-- EXERCISE AIM --
Set down exactly the lines in the records below that run from the line with "#21=IFCINDEXEDPOLYGONALFACE((3,4,8,7));" to the line with "#27=IFCPRODUCTDEFINITIONSHAPE($,$,(#26));", inclusive, and nothing more.

:: DATA

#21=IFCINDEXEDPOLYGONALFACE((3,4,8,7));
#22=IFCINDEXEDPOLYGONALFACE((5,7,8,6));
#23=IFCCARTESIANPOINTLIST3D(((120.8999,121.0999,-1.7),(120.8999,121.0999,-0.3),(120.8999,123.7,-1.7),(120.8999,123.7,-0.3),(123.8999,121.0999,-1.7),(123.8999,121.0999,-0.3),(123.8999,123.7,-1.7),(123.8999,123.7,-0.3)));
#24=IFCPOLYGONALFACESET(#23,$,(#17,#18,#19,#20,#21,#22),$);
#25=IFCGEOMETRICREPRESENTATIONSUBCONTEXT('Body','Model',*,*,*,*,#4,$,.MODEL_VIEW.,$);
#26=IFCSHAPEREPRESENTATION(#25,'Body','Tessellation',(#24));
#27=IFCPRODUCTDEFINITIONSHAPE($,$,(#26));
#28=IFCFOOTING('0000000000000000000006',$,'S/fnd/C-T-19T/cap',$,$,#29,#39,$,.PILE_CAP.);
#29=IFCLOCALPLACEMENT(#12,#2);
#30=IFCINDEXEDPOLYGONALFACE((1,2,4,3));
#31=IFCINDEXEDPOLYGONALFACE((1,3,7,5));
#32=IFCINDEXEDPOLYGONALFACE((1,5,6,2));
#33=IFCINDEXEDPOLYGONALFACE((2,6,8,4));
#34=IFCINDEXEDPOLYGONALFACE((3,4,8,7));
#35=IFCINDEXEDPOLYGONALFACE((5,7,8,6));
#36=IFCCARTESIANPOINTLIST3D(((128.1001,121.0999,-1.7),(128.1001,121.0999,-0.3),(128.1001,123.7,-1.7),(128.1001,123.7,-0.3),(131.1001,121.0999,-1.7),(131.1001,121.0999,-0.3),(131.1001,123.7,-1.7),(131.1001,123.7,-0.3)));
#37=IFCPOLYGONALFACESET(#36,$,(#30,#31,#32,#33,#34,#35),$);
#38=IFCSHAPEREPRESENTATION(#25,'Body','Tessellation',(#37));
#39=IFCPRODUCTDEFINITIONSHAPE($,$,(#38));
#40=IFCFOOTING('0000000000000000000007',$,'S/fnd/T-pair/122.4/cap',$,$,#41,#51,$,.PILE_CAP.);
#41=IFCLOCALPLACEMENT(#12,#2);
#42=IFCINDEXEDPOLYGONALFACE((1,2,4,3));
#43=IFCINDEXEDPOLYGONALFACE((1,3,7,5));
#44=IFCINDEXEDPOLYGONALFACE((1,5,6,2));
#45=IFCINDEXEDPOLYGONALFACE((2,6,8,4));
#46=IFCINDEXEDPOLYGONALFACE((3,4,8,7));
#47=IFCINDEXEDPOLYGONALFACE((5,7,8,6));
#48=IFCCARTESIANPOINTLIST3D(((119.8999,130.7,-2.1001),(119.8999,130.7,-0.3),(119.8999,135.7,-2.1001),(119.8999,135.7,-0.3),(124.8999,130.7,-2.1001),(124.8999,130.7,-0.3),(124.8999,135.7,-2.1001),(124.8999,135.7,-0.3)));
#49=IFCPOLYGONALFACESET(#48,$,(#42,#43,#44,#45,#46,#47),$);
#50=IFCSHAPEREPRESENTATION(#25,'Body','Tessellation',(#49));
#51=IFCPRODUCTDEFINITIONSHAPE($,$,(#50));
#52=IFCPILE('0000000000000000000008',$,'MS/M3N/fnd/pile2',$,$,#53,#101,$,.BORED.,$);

::::
:: DATA

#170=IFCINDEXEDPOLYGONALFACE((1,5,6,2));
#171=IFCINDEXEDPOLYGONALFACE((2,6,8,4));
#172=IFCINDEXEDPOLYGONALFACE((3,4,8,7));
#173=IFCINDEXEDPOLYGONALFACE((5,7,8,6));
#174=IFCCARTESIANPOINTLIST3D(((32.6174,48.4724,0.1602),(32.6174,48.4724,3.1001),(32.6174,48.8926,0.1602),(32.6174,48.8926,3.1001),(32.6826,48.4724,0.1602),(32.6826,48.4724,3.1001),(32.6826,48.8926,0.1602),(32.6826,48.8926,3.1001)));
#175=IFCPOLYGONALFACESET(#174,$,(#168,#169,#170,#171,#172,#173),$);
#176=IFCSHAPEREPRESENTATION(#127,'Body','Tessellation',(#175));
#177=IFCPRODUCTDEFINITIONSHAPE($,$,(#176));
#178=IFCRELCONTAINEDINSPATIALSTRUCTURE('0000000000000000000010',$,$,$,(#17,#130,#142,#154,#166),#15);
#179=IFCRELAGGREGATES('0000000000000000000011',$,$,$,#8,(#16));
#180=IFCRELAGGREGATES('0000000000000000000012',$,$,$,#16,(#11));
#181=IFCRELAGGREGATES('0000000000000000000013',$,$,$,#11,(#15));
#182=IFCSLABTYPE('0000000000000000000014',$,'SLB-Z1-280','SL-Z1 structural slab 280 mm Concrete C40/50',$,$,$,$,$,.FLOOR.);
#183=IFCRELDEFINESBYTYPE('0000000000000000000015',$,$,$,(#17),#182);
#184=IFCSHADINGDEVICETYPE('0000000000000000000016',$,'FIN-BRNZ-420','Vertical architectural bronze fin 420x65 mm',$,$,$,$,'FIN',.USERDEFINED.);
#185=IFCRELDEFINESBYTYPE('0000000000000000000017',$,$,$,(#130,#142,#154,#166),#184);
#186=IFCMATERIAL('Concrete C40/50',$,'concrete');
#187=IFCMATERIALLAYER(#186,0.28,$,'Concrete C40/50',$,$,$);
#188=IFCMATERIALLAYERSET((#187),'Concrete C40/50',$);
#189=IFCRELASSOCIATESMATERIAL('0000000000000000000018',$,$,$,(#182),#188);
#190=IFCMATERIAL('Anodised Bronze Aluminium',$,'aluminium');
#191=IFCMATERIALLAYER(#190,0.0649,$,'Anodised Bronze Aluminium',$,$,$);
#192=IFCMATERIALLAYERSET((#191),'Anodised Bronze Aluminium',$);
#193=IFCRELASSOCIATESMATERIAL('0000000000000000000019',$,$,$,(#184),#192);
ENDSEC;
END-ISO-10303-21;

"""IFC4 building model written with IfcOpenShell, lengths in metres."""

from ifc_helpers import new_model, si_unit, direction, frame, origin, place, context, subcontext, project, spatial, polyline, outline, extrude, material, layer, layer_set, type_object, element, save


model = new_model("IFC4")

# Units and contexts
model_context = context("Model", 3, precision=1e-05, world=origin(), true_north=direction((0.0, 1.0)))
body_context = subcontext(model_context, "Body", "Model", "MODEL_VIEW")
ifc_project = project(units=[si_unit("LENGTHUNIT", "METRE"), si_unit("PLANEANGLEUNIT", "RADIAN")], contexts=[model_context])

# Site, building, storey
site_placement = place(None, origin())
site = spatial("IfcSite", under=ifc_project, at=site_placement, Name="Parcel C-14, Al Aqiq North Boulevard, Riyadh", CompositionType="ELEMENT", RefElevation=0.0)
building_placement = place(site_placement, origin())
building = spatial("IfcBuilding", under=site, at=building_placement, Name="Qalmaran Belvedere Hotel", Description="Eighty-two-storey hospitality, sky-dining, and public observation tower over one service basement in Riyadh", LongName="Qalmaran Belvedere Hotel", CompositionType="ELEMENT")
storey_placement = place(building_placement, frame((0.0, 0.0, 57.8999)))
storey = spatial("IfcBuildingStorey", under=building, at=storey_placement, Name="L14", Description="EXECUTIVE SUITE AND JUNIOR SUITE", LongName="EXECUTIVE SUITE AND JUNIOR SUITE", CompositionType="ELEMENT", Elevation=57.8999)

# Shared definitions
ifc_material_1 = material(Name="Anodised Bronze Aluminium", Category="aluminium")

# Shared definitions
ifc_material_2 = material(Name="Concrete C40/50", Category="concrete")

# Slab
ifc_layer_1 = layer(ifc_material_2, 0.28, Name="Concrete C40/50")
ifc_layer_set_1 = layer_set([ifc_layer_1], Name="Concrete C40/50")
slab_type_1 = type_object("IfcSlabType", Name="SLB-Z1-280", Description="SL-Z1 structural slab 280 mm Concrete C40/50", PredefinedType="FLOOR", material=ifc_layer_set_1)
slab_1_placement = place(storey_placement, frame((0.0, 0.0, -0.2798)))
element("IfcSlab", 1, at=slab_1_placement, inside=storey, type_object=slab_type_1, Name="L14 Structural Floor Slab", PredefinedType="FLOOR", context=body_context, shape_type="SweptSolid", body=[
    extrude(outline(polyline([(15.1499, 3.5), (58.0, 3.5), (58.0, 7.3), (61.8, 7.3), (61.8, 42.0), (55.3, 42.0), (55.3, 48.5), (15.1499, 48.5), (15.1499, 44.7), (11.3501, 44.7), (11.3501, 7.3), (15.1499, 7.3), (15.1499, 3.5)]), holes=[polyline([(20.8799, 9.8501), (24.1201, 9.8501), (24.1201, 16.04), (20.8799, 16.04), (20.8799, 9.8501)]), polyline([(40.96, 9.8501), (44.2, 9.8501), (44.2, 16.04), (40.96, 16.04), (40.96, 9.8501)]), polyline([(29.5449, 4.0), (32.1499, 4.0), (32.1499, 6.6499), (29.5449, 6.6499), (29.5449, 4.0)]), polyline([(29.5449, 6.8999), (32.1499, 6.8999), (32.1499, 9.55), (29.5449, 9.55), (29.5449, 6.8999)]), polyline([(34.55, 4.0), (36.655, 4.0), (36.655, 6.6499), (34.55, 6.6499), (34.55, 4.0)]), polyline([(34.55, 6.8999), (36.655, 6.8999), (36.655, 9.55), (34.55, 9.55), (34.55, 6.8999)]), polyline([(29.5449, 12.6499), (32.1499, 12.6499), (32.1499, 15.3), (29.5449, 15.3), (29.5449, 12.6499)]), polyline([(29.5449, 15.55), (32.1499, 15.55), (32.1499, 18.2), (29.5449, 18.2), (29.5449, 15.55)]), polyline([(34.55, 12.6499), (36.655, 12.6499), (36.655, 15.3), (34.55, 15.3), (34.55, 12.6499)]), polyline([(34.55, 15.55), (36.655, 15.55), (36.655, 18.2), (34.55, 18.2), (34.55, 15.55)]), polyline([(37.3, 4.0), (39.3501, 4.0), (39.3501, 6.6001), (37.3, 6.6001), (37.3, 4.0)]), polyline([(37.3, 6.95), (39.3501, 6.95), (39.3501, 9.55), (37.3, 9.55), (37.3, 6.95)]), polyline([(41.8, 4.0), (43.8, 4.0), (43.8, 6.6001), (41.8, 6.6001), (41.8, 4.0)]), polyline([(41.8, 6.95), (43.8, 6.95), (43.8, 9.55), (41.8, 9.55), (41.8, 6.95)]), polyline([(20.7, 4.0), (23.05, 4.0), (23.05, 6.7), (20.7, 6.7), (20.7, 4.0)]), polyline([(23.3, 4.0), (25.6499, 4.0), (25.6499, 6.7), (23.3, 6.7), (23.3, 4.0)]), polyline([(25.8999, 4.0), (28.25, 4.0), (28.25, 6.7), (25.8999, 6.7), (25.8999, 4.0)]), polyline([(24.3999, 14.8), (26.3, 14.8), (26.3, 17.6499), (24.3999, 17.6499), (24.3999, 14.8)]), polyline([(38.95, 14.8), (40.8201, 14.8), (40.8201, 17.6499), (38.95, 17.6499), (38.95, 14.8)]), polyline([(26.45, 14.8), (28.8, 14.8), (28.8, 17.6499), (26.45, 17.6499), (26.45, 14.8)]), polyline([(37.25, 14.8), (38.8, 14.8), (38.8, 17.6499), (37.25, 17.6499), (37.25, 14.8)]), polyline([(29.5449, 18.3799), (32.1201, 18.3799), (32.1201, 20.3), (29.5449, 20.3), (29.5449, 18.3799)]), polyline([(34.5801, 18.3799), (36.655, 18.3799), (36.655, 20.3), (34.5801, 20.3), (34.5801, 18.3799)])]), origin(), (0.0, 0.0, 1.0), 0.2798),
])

::::
:: DATA

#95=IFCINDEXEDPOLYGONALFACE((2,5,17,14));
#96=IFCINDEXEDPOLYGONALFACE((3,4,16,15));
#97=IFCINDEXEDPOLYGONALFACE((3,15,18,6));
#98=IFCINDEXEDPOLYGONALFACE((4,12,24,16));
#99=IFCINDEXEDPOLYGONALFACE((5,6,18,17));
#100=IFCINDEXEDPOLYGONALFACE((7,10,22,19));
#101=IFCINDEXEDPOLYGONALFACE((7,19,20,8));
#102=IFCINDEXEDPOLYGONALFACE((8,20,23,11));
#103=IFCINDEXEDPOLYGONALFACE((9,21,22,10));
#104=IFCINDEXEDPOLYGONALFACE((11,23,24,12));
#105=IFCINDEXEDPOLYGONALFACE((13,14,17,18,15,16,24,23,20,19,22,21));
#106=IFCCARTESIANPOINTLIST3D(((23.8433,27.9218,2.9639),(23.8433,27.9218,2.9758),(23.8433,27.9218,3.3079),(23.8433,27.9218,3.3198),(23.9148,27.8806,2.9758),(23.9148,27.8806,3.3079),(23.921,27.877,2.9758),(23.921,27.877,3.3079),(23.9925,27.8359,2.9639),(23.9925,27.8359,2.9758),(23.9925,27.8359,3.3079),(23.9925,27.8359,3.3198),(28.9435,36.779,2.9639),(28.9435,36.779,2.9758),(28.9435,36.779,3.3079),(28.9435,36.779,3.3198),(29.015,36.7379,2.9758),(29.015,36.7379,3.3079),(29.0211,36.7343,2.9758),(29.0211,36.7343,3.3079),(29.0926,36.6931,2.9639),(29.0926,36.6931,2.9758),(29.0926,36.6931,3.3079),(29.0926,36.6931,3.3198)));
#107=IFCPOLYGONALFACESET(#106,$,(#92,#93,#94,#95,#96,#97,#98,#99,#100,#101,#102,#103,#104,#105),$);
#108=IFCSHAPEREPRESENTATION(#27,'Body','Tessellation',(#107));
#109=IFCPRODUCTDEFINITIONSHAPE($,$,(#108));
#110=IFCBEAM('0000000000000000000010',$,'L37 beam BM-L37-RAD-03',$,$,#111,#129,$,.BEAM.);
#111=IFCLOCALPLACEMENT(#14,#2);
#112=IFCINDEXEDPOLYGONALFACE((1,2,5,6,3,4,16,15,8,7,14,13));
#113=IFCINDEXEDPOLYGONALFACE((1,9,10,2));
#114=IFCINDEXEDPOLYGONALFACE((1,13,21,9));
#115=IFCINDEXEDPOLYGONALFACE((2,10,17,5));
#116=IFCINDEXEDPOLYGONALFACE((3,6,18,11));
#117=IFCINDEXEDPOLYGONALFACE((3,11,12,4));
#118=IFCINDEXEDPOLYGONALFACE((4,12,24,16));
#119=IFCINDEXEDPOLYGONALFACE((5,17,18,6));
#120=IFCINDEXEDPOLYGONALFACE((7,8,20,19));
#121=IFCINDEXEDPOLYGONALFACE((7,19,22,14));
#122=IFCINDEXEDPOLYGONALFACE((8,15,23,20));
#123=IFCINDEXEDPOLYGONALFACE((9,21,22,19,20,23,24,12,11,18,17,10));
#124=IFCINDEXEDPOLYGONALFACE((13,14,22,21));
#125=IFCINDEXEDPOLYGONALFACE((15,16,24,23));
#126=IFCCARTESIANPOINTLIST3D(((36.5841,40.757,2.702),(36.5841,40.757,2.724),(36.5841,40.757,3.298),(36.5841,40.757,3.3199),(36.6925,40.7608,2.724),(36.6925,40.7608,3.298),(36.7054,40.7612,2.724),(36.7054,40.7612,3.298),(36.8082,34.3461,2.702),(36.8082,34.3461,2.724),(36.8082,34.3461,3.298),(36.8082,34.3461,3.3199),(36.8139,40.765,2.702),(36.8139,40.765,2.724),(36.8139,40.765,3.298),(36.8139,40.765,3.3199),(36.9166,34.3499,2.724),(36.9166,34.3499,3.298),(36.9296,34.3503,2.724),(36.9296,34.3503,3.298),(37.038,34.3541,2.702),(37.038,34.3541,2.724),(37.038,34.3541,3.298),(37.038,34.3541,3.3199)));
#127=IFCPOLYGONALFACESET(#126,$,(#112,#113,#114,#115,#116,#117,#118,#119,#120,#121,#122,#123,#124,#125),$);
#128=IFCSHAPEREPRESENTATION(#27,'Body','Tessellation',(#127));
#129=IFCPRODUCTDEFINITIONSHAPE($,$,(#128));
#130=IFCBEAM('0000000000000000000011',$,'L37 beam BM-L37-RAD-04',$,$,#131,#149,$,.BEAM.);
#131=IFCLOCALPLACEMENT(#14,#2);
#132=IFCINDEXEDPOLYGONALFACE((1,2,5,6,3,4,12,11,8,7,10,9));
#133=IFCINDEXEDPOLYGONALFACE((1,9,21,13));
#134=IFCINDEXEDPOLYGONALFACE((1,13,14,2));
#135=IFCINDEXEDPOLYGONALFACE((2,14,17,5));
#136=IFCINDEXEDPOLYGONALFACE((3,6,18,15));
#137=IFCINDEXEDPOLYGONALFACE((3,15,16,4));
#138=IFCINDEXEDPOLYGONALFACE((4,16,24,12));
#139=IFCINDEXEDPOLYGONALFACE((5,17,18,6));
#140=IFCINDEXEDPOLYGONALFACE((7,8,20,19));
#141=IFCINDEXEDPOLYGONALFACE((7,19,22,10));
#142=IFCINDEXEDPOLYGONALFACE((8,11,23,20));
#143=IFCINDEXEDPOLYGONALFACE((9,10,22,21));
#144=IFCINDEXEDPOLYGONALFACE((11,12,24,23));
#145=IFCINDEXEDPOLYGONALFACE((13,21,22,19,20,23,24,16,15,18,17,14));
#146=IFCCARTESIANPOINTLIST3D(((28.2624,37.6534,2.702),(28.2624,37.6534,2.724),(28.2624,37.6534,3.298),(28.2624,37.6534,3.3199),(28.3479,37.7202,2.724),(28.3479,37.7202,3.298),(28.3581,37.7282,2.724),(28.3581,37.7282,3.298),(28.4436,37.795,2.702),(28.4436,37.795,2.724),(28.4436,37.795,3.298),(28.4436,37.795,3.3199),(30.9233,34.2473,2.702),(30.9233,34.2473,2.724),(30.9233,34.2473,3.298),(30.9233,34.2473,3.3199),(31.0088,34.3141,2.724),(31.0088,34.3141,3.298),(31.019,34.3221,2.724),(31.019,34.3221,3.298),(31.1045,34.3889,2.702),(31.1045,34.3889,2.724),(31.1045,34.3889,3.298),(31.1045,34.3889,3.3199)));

::::

-- RESPONSE AREA --
#21=IFCINDEXEDPOLYGONALFACE((3,4,8,7));
#22=IFCINDEXEDPOLYGONALFACE((5,7,8,6));
#23=IFCCARTESIANPOINTLIST3D(((120.8999,121.0999,-1.7),(120.8999,121.0999,-0.3),(120.8999,123.7,-1.7),(120.8999,123.7,-0.3),(123.8999,121.0999,-1.7),(123.8999,121.0999,-0.3),(123.8999,123.7,-1.7),(123.8999,123.7,-0.3)));
#24=IFCPOLYGONALFACESET(#23,$,(#17,#18,#19,#20,#21,#22),$);
#25=IFCGEOMETRICREPRESENTATIONSUBCONTEXT('Body','Model',*,*,*,*,#4,$,.MODEL_VIEW.,$);
#26=IFCSHAPEREPRESENTATION(#25,'Body','Tessellation',(#24));
#27=IFCPRODUCTDEFINITIONSHAPE($,$,(#26));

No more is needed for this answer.